THE TASK. Scan the entries below. List each line with "IFCRELASSOCIATESMATERIAL".

Records contained in a dataset
◇ ◇ ◇ ◇
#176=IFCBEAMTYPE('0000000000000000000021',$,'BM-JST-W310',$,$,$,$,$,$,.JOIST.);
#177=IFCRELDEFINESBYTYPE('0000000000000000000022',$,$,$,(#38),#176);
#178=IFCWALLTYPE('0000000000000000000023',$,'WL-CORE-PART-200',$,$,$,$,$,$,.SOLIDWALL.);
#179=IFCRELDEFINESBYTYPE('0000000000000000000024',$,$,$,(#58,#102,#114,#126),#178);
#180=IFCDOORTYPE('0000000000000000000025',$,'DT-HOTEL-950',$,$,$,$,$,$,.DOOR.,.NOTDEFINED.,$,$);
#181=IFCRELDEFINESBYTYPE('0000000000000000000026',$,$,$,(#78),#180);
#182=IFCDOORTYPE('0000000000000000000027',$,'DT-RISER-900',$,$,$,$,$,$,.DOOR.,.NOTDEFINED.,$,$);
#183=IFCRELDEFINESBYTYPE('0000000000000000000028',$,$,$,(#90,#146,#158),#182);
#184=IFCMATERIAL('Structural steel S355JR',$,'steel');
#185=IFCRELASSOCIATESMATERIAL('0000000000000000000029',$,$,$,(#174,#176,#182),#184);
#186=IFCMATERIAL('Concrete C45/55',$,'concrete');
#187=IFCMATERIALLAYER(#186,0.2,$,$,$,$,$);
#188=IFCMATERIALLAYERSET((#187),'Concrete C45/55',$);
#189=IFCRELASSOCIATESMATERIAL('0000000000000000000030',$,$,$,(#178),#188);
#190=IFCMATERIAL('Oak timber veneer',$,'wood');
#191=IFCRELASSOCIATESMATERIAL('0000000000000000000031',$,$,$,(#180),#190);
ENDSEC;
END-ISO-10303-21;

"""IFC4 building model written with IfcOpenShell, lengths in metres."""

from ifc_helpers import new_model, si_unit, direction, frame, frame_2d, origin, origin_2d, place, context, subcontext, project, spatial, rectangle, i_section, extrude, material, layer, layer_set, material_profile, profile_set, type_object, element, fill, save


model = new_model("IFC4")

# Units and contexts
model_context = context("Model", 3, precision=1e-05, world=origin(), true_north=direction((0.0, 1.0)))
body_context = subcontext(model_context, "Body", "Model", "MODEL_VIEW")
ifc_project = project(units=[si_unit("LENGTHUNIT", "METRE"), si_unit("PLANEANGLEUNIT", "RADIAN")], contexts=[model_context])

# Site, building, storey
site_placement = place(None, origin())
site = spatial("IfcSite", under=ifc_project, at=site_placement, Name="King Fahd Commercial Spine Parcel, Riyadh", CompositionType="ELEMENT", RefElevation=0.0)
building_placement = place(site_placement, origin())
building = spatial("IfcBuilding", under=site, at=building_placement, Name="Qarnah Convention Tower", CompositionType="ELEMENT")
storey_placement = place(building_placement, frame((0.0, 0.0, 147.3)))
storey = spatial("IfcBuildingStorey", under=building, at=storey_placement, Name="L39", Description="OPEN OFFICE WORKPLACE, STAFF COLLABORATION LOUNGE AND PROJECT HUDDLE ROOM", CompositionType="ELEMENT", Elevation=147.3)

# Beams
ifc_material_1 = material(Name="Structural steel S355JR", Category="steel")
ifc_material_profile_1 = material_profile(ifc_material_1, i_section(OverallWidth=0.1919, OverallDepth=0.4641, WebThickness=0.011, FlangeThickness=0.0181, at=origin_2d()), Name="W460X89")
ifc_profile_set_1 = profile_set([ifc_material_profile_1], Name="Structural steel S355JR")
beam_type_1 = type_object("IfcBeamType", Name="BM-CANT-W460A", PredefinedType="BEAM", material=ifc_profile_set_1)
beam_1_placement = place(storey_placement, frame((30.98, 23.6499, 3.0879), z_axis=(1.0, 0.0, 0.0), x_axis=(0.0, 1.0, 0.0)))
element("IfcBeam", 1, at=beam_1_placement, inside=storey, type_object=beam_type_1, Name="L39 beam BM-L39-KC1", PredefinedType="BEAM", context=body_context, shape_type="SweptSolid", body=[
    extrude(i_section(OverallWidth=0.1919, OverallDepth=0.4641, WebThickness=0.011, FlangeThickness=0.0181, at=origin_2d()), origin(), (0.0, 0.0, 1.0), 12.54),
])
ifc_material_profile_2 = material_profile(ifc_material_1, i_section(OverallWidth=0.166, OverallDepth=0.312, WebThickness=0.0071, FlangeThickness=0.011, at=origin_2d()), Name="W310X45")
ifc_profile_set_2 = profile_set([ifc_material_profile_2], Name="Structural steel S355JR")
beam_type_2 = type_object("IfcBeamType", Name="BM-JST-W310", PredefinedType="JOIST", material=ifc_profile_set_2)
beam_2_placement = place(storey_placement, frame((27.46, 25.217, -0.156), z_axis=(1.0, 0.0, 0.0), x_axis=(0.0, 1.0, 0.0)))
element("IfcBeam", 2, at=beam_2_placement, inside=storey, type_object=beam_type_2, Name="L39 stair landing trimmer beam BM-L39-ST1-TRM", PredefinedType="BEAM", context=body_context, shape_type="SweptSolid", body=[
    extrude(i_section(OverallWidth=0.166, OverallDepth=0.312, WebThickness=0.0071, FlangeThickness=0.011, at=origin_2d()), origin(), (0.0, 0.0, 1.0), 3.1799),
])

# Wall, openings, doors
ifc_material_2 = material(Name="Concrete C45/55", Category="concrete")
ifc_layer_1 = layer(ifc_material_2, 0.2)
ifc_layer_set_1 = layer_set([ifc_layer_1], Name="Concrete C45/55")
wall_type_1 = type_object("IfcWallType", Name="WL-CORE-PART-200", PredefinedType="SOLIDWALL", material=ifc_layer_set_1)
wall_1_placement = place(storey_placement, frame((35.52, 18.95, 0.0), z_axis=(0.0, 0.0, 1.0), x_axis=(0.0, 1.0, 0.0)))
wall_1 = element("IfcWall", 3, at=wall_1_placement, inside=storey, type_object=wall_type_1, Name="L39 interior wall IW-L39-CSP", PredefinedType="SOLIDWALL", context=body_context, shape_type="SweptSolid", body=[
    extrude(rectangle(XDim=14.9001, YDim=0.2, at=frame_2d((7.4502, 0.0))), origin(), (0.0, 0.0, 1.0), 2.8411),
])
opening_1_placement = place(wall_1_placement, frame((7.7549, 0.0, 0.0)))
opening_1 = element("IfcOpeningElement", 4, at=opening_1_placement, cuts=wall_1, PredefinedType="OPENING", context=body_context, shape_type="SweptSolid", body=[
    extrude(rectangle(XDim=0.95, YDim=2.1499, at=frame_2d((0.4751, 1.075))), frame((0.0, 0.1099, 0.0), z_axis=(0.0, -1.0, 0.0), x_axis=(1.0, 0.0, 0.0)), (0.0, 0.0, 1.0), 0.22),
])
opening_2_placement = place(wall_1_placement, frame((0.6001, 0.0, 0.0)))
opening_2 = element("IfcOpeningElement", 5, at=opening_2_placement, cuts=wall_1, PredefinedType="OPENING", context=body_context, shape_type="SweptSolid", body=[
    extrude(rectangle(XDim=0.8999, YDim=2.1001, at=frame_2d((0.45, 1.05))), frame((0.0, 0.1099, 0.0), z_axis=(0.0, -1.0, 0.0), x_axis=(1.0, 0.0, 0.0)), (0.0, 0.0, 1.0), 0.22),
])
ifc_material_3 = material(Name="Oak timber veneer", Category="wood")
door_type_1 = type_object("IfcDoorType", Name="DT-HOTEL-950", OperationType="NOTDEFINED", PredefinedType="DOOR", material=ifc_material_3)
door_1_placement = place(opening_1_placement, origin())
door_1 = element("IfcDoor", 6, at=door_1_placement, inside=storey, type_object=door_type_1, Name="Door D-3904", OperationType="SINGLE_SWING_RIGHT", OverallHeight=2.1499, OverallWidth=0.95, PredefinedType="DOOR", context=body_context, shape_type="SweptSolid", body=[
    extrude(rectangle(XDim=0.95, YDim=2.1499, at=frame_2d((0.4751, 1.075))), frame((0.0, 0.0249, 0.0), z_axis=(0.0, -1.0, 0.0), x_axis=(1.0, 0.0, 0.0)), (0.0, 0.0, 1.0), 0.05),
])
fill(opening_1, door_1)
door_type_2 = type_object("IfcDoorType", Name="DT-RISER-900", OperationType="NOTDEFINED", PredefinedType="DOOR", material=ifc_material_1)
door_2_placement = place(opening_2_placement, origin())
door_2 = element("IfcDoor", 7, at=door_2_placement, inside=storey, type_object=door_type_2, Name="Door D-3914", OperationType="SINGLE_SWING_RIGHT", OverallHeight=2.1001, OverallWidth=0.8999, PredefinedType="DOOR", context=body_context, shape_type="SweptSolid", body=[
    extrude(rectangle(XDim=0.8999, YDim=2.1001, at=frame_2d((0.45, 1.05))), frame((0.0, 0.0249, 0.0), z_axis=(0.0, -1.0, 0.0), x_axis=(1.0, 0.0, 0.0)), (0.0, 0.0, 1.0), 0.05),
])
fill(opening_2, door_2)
◇ ◇ ◇ ◇
SOLVED PROBLEM.
#185=IFCRELASSOCIATESMATERIAL('0000000000000000000029',$,$,$,(#174,#176,#182),#184);
#189=IFCRELASSOCIATESMATERIAL('0000000000000000000030',$,$,$,(#178),#188);
#191=IFCRELASSOCIATESMATERIAL('0000000000000000000031',$,$,$,(#180),#190);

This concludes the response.